──────── Material provided
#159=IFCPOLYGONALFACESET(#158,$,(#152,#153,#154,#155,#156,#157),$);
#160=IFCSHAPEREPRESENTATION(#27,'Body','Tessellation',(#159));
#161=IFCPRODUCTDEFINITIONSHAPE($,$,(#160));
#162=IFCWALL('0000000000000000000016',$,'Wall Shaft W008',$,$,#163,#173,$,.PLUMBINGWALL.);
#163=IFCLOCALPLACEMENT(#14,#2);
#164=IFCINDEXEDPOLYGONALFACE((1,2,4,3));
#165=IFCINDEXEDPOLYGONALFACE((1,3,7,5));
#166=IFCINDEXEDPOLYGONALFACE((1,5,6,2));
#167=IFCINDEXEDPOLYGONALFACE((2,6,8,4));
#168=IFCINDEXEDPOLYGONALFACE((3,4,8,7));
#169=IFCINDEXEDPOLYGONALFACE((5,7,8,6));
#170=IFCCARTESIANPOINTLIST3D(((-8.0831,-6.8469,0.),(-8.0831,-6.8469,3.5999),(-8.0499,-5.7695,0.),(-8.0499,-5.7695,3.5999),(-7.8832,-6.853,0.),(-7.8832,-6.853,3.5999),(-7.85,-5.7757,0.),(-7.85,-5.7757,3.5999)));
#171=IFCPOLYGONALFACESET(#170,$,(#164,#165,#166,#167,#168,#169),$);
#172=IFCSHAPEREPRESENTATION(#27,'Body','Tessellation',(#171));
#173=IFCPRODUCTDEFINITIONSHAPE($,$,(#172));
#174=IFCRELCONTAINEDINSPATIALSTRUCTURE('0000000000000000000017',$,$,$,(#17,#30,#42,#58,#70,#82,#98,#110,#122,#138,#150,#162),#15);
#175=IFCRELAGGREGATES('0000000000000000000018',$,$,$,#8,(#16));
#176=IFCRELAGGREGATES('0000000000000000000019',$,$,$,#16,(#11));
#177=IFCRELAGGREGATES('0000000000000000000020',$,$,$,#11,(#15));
────────────────
* _Task_:
Output the line bearing "#166=IFCINDEXEDPOLYGONALFACE((1,5,6,2));" along with all the lines after it through the end of the entries, exactly, and no other lines.

* _Output of the task_:
#166=IFCINDEXEDPOLYGONALFACE((1,5,6,2));
#167=IFCINDEXEDPOLYGONALFACE((2,6,8,4));
#168=IFCINDEXEDPOLYGONALFACE((3,4,8,7));
#169=IFCINDEXEDPOLYGONALFACE((5,7,8,6));
#170=IFCCARTESIANPOINTLIST3D(((-8.0831,-6.8469,0.),(-8.0831,-6.8469,3.5999),(-8.0499,-5.7695,0.),(-8.0499,-5.7695,3.5999),(-7.8832,-6.853,0.),(-7.8832,-6.853,3.5999),(-7.85,-5.7757,0.),(-7.85,-5.7757,3.5999)));
#171=IFCPOLYGONALFACESET(#170,$,(#164,#165,#166,#167,#168,#169),$);
#172=IFCSHAPEREPRESENTATION(#27,'Body','Tessellation',(#171));
#173=IFCPRODUCTDEFINITIONSHAPE($,$,(#172));
#174=IFCRELCONTAINEDINSPATIALSTRUCTURE('0000000000000000000017',$,$,$,(#17,#30,#42,#58,#70,#82,#98,#110,#122,#138,#150,#162),#15);
#175=IFCRELAGGREGATES('0000000000000000000018',$,$,$,#8,(#16));
#176=IFCRELAGGREGATES('0000000000000000000019',$,$,$,#16,(#11));
#177=IFCRELAGGREGATES('0000000000000000000020',$,$,$,#11,(#15));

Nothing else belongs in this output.